Dataset items
************

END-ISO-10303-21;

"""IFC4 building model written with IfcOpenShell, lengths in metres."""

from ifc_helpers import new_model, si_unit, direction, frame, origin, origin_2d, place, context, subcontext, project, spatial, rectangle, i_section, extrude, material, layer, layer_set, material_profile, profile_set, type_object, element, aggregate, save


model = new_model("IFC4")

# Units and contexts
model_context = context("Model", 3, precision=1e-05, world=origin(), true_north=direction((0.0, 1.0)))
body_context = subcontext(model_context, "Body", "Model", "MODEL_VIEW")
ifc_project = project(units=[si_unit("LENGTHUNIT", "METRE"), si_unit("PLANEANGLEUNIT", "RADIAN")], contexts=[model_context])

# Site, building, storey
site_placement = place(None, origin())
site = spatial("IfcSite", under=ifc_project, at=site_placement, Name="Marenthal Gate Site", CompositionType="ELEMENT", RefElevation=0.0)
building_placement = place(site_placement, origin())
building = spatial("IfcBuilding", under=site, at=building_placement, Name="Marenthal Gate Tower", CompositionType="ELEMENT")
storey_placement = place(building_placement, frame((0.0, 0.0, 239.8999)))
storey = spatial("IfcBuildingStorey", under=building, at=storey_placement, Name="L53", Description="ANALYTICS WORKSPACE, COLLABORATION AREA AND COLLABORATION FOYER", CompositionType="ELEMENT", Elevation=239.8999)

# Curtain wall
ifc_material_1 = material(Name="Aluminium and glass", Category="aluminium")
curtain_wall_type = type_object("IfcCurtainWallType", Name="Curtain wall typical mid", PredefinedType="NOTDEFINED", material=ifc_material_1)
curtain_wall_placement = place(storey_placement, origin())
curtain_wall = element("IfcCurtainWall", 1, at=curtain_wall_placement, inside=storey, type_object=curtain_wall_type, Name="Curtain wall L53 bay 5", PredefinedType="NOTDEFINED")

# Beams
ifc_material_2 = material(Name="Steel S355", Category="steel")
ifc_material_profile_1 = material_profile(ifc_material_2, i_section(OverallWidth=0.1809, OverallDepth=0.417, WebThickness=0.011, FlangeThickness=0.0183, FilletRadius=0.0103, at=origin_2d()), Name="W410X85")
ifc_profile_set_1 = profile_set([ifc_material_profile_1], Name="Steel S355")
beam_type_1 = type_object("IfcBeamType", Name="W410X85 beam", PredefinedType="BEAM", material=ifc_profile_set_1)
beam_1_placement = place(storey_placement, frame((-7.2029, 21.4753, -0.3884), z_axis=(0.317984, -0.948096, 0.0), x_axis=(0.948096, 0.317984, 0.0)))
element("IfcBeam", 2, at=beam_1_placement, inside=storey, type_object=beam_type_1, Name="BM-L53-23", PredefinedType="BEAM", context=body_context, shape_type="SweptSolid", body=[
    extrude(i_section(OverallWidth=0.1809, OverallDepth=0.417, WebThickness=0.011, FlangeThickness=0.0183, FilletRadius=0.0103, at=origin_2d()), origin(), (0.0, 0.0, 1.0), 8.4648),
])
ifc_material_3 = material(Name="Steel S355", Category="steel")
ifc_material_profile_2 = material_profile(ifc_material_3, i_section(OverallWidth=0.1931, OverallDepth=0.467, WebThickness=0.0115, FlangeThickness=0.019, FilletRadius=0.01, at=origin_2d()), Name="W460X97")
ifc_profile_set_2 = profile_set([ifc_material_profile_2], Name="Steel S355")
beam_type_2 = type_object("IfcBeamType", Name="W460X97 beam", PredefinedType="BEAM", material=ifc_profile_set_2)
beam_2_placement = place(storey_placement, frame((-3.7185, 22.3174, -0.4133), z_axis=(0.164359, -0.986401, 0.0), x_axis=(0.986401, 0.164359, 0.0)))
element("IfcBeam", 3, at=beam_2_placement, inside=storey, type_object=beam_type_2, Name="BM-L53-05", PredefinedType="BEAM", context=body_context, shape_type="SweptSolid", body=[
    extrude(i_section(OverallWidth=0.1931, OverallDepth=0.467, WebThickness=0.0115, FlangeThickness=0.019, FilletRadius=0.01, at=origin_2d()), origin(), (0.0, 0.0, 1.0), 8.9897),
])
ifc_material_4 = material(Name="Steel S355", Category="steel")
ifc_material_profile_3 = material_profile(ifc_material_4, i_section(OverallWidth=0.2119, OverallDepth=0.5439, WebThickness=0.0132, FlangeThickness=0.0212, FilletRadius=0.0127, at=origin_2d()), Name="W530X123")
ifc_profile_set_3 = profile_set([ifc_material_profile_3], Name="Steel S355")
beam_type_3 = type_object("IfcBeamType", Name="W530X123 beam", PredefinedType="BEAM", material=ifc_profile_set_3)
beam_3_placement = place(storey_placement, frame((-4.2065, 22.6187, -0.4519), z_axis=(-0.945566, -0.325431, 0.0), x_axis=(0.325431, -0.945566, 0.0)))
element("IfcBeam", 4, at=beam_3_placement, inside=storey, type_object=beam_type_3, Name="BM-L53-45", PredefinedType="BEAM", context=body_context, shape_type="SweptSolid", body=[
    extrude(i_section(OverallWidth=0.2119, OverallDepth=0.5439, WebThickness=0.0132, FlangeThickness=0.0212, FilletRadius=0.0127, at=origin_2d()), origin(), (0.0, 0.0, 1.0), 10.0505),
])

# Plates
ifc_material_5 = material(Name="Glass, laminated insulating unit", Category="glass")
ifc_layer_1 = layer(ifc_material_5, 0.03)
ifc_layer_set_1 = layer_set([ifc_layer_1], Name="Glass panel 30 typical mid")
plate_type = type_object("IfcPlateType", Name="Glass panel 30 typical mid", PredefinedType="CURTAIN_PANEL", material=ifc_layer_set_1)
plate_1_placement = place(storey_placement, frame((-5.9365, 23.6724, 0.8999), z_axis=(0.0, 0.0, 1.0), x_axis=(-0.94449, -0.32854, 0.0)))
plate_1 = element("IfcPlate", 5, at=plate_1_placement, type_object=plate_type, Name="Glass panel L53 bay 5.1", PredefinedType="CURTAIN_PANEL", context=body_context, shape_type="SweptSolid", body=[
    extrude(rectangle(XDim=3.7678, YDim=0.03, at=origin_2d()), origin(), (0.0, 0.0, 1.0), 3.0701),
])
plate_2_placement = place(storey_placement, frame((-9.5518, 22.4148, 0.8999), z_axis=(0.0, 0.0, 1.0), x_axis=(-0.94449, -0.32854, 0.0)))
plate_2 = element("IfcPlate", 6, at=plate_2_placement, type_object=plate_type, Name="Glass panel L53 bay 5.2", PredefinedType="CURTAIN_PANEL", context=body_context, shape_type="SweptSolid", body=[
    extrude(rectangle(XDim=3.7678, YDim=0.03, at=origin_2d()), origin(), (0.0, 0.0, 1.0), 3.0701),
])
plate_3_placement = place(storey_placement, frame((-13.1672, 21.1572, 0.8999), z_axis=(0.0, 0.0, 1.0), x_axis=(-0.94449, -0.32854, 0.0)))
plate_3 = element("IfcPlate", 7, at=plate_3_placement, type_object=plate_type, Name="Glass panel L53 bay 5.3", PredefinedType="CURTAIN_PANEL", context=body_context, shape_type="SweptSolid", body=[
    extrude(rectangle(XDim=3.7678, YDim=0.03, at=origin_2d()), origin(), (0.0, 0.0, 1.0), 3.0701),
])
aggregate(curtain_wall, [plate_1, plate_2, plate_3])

************

- Exercise goal -
Check every line of the records above for the string "IfcBeamType". Copy those that hold it.

- Answer to this problem -
beam_type_1 = type_object("IfcBeamType", Name="W410X85 beam", PredefinedType="BEAM", material=ifc_profile_set_1)
beam_type_2 = type_object("IfcBeamType", Name="W460X97 beam", PredefinedType="BEAM", material=ifc_profile_set_2)
beam_type_3 = type_object("IfcBeamType", Name="W530X123 beam", PredefinedType="BEAM", material=ifc_profile_set_3)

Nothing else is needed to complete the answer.